Task statement |
Below are entries. Copy exactly the lines running from the line that holds "#121=IFCINDEXEDPOLYGONALFACE((5,6,8,7));" to the line that holds "#125=IFCPRODUCTDEFINITIONSHAPE($,$,(#124));", with both ends included.

(Saved entries)

=== Section Start ===

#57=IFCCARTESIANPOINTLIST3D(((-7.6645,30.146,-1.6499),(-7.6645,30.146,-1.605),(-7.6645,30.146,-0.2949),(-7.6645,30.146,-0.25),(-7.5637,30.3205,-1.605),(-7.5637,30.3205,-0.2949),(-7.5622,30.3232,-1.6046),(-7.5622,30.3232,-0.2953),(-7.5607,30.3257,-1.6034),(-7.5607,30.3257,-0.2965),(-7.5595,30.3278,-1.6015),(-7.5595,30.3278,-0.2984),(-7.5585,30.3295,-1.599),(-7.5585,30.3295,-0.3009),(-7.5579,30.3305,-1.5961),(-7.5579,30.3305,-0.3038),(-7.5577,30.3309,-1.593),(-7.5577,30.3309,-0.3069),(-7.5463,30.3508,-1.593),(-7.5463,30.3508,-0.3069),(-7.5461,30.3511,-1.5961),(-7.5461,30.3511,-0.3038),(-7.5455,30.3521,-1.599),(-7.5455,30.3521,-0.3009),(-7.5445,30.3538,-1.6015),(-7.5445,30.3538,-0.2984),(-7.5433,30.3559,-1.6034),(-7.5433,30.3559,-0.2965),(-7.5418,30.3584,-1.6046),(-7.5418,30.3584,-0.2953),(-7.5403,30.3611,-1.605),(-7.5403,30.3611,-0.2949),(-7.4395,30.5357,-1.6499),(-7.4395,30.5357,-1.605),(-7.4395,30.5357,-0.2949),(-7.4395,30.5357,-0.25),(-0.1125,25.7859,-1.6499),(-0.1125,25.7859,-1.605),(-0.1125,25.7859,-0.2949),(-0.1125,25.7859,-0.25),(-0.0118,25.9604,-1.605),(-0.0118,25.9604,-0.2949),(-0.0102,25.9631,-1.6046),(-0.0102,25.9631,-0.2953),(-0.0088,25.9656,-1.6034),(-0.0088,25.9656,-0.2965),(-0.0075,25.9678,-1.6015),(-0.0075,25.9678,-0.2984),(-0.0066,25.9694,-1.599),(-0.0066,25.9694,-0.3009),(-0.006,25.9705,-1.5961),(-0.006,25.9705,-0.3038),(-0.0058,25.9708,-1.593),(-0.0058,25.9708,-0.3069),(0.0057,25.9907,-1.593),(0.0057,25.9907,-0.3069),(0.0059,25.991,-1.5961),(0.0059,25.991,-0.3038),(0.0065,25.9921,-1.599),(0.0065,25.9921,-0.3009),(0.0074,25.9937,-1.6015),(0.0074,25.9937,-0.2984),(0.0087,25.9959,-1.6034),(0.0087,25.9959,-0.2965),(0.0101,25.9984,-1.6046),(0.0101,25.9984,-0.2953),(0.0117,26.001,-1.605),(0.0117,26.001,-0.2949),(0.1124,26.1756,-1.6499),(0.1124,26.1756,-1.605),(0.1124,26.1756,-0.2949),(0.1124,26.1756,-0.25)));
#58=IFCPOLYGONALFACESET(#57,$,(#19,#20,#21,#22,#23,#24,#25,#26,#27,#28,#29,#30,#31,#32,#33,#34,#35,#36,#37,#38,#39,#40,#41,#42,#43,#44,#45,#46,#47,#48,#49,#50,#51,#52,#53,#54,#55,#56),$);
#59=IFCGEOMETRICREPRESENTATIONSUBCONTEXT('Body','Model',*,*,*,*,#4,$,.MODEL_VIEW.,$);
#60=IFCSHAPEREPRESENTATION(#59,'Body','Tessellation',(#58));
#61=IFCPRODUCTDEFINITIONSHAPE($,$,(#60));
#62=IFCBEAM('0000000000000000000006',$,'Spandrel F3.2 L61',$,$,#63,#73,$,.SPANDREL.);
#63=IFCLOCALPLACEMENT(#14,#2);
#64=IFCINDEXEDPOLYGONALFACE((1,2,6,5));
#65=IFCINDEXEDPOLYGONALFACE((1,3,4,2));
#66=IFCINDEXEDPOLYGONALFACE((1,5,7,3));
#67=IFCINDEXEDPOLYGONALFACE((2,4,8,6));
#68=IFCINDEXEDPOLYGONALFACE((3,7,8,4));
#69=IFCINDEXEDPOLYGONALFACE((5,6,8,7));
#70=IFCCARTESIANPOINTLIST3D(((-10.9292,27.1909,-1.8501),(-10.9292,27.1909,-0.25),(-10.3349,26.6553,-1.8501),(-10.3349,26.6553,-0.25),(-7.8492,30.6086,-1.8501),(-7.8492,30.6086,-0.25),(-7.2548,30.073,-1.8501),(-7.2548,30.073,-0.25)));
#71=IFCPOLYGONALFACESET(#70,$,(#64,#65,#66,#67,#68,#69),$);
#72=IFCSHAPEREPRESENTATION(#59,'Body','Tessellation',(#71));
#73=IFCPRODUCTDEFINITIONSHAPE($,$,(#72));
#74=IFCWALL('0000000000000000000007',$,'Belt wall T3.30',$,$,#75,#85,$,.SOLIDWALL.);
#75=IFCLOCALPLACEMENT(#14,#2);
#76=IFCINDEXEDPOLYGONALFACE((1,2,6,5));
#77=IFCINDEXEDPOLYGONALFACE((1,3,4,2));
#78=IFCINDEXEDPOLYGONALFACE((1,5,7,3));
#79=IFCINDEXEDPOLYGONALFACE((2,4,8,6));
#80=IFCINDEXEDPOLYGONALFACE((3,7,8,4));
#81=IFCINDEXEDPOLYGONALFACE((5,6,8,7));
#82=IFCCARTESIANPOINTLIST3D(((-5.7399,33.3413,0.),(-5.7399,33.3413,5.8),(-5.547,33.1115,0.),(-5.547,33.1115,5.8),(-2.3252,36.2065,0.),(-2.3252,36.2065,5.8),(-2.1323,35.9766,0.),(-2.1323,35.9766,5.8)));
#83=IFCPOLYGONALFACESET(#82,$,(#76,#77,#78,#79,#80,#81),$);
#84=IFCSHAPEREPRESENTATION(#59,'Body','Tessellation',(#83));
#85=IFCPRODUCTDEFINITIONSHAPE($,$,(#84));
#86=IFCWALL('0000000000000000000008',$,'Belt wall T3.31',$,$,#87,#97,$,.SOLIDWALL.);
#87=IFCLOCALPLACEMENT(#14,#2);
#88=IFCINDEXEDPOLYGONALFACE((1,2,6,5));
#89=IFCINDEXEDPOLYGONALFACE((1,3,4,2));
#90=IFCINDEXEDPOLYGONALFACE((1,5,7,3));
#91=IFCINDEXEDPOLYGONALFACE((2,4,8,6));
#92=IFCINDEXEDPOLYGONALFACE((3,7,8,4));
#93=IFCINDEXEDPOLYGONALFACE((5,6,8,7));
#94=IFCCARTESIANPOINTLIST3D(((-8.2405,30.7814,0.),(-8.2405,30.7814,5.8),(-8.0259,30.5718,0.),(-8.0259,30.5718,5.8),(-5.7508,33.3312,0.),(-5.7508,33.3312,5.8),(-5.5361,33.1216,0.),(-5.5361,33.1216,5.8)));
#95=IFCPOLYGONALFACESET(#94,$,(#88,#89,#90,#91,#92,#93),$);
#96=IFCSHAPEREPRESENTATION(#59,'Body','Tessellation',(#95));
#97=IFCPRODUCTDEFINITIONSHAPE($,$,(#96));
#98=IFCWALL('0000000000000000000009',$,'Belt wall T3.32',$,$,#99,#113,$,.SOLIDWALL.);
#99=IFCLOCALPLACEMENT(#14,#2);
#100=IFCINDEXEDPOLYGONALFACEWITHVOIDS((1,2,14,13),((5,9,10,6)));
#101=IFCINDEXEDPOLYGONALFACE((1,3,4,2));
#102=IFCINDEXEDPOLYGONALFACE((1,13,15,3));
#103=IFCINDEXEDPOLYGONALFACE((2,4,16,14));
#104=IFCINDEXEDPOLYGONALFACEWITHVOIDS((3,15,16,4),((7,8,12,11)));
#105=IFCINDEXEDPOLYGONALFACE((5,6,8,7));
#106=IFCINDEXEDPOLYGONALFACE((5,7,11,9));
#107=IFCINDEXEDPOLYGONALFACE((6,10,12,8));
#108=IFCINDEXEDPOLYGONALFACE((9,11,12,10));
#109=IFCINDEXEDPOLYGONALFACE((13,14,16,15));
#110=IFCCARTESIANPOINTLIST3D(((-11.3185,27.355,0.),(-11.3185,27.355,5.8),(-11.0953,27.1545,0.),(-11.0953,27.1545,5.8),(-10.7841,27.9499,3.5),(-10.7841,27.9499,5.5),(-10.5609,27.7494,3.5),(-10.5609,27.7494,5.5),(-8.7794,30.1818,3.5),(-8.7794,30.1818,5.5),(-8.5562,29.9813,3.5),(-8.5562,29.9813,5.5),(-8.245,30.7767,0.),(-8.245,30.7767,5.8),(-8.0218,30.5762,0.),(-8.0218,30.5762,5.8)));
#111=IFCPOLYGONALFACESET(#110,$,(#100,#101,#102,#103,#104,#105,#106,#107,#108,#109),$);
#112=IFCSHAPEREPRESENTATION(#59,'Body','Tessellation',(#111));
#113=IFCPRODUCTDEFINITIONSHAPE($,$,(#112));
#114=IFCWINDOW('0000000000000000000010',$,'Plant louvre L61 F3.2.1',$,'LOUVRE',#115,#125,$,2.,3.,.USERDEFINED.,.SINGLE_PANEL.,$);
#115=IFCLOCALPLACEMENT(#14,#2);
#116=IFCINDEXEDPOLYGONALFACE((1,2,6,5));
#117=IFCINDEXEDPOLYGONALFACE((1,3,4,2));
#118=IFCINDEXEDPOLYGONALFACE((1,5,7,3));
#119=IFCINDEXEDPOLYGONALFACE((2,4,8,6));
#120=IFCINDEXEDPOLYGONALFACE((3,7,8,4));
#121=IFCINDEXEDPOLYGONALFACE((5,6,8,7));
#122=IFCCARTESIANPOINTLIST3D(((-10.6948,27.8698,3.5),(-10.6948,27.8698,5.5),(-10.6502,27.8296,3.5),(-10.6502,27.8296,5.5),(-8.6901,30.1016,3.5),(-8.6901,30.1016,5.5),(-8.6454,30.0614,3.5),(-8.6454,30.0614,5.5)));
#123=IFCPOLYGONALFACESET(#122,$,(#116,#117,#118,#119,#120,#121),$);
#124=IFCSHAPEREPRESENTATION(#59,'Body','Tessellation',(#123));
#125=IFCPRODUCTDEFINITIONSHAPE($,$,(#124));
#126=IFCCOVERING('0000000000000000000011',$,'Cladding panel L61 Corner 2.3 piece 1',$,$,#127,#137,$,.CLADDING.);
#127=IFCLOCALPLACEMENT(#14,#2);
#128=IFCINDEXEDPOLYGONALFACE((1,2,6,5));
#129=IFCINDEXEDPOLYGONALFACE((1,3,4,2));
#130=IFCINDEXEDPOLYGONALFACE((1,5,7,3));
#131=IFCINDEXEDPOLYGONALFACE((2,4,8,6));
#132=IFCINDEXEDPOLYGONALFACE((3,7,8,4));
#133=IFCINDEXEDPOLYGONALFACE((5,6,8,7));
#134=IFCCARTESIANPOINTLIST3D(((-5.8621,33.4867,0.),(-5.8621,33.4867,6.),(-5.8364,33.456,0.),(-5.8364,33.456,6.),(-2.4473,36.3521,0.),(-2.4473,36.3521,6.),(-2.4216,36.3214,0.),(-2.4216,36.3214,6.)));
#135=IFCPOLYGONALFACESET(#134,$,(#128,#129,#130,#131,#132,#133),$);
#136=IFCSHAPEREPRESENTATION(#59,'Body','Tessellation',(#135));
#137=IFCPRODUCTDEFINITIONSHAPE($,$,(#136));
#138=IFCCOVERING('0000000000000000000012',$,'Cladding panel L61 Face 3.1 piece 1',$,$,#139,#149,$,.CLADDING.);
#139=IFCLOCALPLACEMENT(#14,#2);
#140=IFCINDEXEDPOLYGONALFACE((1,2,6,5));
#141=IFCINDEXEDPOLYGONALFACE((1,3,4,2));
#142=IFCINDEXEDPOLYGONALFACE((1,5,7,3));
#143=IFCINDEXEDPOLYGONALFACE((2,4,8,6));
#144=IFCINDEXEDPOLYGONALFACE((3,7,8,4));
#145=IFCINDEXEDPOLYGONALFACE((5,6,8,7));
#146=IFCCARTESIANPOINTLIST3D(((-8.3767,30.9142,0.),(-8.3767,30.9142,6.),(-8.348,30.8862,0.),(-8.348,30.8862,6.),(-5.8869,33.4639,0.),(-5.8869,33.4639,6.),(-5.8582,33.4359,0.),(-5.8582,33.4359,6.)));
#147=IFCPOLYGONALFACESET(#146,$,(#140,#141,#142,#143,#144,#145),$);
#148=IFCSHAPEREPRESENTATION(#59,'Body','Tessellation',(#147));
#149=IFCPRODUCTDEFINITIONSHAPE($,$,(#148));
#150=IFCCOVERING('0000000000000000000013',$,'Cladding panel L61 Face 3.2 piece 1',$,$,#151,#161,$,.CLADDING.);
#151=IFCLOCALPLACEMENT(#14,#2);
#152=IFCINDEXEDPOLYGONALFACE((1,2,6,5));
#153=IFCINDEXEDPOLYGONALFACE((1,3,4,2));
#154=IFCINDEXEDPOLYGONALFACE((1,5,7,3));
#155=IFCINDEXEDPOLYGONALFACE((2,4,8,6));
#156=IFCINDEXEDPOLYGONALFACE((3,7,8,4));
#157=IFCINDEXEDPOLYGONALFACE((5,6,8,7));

=== Section End ===

Exercise response |
#121=IFCINDEXEDPOLYGONALFACE((5,6,8,7));
#122=IFCCARTESIANPOINTLIST3D(((-10.6948,27.8698,3.5),(-10.6948,27.8698,5.5),(-10.6502,27.8296,3.5),(-10.6502,27.8296,5.5),(-8.6901,30.1016,3.5),(-8.6901,30.1016,5.5),(-8.6454,30.0614,3.5),(-8.6454,30.0614,5.5)));
#123=IFCPOLYGONALFACESET(#122,$,(#116,#117,#118,#119,#120,#121),$);
#124=IFCSHAPEREPRESENTATION(#59,'Body','Tessellation',(#123));
#125=IFCPRODUCTDEFINITIONSHAPE($,$,(#124));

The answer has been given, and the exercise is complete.